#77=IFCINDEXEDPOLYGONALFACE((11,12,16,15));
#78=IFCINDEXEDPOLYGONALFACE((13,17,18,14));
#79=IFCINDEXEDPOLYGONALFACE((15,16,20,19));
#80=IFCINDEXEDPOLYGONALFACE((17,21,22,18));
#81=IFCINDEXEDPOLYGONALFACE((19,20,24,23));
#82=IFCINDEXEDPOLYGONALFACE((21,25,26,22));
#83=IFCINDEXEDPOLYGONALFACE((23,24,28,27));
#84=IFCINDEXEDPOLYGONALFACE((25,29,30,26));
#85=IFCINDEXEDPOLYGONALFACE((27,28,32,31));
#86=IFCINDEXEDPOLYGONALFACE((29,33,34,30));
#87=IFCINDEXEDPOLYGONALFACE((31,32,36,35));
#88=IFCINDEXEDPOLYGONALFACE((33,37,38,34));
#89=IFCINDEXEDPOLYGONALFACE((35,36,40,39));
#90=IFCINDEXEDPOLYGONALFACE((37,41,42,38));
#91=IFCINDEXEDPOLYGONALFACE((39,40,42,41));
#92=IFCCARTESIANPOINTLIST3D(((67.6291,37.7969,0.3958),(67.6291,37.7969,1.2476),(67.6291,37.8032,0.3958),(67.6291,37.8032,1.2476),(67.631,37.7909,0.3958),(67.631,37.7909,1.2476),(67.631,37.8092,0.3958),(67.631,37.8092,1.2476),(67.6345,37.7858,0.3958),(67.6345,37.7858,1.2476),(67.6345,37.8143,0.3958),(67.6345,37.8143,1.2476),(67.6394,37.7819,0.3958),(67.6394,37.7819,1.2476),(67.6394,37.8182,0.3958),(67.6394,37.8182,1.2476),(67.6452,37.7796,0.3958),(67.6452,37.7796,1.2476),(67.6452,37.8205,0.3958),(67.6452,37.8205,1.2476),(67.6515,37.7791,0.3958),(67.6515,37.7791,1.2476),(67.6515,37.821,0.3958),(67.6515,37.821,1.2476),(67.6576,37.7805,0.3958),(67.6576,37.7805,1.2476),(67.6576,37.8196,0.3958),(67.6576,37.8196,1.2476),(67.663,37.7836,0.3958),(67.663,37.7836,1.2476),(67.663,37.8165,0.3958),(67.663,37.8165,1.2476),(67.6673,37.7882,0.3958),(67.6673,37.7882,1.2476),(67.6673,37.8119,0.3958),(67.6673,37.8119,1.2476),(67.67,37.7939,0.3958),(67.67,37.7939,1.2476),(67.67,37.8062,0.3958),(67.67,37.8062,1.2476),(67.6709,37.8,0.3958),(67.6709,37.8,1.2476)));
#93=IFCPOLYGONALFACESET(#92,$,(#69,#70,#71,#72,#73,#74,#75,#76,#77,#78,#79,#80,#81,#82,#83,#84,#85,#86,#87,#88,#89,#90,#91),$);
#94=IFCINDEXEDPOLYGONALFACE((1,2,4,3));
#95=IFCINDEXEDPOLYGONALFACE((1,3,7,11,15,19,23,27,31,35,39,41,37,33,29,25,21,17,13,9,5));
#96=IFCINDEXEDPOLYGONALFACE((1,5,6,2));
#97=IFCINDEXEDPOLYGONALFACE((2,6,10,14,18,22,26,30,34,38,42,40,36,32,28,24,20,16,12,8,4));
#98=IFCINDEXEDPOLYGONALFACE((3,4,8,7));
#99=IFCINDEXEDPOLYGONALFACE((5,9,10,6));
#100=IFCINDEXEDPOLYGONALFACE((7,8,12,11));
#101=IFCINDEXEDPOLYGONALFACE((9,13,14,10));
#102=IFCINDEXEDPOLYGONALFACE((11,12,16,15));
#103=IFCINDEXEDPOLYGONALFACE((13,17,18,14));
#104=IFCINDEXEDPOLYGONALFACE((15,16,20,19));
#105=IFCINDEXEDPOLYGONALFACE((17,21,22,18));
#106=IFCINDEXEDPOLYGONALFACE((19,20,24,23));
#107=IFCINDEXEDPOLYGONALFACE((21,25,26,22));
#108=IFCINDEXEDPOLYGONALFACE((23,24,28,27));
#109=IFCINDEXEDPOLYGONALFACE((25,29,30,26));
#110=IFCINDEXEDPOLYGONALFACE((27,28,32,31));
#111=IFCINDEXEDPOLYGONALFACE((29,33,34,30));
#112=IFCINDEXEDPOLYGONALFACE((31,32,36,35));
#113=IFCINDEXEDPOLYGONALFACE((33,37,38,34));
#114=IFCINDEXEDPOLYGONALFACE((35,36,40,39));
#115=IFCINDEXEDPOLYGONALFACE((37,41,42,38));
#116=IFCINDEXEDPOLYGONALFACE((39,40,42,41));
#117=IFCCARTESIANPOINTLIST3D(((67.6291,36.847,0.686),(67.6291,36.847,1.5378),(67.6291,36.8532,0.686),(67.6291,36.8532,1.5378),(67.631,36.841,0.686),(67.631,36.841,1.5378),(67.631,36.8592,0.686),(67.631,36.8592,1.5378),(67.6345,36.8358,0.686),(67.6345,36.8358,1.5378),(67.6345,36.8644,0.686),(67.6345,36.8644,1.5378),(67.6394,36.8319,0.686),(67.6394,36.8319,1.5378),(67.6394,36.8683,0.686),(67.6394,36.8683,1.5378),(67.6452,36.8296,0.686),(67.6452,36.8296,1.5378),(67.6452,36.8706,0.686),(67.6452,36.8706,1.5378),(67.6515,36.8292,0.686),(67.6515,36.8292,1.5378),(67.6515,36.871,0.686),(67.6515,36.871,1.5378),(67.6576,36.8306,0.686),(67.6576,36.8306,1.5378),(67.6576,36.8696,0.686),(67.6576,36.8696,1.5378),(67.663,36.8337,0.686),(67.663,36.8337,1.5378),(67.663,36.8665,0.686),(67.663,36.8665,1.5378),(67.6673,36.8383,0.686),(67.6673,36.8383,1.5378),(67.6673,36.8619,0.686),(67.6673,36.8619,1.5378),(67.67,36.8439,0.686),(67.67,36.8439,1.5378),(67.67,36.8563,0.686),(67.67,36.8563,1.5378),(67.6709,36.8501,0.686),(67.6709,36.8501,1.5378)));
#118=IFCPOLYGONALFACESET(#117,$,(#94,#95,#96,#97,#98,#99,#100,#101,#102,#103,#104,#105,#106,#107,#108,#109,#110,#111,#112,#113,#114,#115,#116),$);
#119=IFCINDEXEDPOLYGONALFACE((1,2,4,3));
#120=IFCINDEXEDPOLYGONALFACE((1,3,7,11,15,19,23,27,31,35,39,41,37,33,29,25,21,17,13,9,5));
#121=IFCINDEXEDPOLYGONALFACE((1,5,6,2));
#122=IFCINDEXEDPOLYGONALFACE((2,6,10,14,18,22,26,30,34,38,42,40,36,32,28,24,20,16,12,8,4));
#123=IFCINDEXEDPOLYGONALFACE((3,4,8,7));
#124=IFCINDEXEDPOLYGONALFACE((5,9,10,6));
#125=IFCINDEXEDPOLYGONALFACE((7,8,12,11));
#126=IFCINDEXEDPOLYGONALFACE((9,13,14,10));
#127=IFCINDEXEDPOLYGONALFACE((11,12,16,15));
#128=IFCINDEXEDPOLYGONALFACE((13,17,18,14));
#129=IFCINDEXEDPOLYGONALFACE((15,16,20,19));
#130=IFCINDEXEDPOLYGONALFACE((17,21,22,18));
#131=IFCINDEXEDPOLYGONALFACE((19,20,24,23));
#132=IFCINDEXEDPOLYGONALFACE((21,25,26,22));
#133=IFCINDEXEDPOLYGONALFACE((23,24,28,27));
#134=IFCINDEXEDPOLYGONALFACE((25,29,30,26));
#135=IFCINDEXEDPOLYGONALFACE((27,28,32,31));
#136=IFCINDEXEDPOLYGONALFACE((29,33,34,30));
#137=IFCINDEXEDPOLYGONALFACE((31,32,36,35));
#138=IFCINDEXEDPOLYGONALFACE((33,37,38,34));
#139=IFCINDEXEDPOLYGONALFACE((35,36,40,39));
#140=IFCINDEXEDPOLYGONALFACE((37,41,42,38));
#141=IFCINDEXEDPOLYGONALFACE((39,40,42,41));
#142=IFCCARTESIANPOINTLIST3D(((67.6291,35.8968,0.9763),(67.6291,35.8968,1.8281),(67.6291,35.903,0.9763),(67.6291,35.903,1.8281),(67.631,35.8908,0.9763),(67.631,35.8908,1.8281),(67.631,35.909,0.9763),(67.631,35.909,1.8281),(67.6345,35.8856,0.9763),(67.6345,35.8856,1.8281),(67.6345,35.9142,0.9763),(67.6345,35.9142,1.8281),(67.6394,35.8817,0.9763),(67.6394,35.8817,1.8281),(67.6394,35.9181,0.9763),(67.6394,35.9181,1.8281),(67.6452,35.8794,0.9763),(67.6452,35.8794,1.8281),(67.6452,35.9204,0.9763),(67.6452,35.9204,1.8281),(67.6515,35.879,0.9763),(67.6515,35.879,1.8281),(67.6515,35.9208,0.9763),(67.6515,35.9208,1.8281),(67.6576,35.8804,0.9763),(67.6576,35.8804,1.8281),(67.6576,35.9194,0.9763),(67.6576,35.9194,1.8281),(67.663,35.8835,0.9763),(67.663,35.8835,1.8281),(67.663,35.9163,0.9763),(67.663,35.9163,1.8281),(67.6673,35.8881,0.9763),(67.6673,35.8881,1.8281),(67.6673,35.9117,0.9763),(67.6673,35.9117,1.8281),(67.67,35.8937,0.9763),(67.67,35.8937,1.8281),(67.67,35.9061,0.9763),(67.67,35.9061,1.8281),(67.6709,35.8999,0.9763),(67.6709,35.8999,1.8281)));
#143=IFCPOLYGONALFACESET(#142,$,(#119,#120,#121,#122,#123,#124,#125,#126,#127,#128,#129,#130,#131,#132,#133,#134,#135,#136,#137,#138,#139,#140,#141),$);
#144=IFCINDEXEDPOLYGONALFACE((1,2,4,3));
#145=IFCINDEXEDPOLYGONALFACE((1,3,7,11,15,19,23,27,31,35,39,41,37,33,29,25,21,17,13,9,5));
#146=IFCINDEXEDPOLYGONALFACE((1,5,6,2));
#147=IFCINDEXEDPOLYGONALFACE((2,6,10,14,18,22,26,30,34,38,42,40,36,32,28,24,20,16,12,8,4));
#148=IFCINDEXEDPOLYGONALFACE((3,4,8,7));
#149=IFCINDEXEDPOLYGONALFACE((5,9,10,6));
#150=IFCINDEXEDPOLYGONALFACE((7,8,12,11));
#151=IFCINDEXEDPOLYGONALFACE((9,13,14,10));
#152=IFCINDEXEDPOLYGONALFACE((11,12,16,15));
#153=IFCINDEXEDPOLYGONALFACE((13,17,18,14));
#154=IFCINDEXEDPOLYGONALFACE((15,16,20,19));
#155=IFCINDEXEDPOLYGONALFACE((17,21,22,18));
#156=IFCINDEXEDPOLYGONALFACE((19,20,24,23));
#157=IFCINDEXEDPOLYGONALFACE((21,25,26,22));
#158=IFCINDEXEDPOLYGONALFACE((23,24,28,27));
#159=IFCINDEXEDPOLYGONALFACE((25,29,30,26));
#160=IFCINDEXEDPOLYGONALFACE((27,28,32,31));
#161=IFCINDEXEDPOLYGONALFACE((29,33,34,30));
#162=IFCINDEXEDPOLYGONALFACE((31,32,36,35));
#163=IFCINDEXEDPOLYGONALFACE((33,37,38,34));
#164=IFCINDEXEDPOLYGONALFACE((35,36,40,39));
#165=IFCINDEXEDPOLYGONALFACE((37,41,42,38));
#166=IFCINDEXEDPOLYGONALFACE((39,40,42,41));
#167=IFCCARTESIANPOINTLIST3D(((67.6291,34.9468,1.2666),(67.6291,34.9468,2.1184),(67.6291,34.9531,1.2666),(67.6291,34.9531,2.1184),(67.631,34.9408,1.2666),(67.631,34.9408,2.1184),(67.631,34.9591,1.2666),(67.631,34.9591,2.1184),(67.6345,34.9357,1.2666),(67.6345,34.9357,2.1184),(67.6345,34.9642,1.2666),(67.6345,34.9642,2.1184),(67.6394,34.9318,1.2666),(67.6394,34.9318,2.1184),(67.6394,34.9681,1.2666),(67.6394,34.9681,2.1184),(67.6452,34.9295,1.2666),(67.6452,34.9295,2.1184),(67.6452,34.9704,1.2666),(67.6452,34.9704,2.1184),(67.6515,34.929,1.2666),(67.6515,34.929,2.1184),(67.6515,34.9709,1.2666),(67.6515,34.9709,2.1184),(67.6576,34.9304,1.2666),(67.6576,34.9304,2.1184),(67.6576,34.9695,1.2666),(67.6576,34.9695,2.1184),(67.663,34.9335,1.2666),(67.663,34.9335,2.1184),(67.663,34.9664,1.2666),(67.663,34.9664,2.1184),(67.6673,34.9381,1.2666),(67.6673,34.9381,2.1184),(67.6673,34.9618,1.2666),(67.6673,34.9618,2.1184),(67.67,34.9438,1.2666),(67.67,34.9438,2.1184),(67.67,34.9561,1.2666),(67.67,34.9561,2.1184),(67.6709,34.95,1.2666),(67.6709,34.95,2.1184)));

**TASK REQUIREMENTS:** Line by line, check the listing above for the string "IFCPOLYGONALFACESET" and say how many lines have it, giving the number alone.

**WRITTEN ANSWER:** 3